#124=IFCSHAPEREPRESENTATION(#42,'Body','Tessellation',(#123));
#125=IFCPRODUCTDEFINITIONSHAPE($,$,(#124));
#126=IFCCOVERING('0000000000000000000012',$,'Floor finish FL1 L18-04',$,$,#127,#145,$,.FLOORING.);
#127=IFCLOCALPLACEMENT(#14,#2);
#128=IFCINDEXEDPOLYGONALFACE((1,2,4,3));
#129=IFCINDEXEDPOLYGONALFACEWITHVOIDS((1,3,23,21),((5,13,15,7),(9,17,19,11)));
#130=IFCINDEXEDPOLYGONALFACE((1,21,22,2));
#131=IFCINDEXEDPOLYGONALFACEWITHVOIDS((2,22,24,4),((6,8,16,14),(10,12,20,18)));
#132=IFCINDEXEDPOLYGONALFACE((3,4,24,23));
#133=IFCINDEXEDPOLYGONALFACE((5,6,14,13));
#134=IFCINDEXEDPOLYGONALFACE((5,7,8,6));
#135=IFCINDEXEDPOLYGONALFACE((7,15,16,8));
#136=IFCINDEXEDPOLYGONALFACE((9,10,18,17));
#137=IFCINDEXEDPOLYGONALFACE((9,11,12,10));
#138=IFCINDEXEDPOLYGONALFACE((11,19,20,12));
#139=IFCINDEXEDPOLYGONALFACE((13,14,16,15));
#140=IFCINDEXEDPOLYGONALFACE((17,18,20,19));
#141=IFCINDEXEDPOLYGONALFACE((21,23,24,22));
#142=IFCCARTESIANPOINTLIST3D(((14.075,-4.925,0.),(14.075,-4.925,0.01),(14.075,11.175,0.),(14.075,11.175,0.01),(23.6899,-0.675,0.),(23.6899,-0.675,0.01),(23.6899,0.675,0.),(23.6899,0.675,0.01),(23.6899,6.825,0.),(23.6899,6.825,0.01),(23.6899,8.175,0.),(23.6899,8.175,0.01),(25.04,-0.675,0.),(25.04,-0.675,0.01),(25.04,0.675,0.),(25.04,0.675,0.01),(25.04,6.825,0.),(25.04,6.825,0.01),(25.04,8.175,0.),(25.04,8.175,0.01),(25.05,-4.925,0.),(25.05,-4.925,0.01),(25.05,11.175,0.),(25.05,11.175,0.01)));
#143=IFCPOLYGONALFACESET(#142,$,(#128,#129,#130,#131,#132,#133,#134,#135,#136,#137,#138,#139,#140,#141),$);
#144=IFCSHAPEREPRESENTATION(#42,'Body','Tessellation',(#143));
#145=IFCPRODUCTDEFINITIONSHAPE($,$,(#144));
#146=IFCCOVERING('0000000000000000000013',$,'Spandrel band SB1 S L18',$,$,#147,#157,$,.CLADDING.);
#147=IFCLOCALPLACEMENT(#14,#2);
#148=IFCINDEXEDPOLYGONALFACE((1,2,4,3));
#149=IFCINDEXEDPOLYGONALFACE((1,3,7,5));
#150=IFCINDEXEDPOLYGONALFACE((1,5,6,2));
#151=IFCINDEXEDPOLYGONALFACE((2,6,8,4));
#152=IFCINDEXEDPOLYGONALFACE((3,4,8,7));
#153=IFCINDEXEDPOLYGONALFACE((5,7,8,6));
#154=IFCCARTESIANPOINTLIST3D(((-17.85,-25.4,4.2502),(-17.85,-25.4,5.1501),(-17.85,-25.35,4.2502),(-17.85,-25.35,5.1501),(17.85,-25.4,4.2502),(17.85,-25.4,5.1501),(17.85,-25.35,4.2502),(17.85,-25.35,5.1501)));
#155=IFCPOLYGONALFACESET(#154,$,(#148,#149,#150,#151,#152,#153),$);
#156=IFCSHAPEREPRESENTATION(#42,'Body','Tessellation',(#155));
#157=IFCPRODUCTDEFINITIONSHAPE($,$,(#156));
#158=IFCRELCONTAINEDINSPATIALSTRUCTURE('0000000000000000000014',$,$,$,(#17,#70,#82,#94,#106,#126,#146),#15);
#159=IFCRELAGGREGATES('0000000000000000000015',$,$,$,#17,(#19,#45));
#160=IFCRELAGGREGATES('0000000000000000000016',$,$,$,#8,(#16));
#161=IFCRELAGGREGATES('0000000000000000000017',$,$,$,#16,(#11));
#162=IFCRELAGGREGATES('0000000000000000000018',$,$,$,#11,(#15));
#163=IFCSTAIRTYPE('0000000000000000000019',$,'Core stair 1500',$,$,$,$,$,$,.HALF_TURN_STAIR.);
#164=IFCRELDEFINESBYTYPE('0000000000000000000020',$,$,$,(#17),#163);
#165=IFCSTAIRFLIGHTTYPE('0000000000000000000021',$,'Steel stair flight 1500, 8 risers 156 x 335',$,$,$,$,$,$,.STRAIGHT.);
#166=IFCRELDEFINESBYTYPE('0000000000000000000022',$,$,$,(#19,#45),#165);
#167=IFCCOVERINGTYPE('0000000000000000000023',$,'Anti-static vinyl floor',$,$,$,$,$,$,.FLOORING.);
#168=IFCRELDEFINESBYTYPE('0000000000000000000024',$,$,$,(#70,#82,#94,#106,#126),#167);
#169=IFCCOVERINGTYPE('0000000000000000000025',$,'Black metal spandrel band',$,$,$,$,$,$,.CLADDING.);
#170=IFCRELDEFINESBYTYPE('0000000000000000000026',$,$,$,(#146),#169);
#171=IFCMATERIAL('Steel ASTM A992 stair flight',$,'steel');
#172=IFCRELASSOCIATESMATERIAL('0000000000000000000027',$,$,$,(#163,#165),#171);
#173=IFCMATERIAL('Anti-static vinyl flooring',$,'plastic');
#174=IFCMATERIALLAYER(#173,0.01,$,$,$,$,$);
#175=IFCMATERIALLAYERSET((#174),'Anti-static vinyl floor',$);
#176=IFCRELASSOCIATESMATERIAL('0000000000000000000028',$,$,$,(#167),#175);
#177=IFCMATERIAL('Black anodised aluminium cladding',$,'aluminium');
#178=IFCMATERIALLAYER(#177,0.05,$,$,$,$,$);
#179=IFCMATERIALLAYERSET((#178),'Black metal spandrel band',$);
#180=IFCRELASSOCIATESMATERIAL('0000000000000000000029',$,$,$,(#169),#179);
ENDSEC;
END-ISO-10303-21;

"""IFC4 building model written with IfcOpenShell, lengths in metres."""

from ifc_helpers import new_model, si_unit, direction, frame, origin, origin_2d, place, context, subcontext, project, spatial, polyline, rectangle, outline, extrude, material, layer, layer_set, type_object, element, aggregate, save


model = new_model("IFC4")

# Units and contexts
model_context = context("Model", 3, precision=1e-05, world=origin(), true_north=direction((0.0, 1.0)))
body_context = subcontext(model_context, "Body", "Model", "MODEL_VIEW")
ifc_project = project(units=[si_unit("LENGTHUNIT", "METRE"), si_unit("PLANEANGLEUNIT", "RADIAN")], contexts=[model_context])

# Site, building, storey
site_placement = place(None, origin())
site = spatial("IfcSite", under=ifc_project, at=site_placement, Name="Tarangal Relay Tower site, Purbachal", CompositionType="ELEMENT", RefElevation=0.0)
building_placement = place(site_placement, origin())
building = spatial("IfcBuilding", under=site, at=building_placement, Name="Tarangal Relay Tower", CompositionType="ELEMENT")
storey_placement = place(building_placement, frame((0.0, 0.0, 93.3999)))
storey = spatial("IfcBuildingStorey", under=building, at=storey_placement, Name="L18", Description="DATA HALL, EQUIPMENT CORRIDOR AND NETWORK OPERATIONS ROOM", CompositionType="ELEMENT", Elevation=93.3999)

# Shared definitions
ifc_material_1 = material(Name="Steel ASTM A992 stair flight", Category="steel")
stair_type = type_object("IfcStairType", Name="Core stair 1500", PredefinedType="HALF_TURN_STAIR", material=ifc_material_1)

_____

> _YOUR GOAL_:
Return every line above in which the string "IFCRELAGGREGATES" occurs.

> _REPLY TO THE EXERCISE_:
#159=IFCRELAGGREGATES('0000000000000000000015',$,$,$,#17,(#19,#45));
#160=IFCRELAGGREGATES('0000000000000000000016',$,$,$,#8,(#16));
#161=IFCRELAGGREGATES('0000000000000000000017',$,$,$,#16,(#11));
#162=IFCRELAGGREGATES('0000000000000000000018',$,$,$,#11,(#15));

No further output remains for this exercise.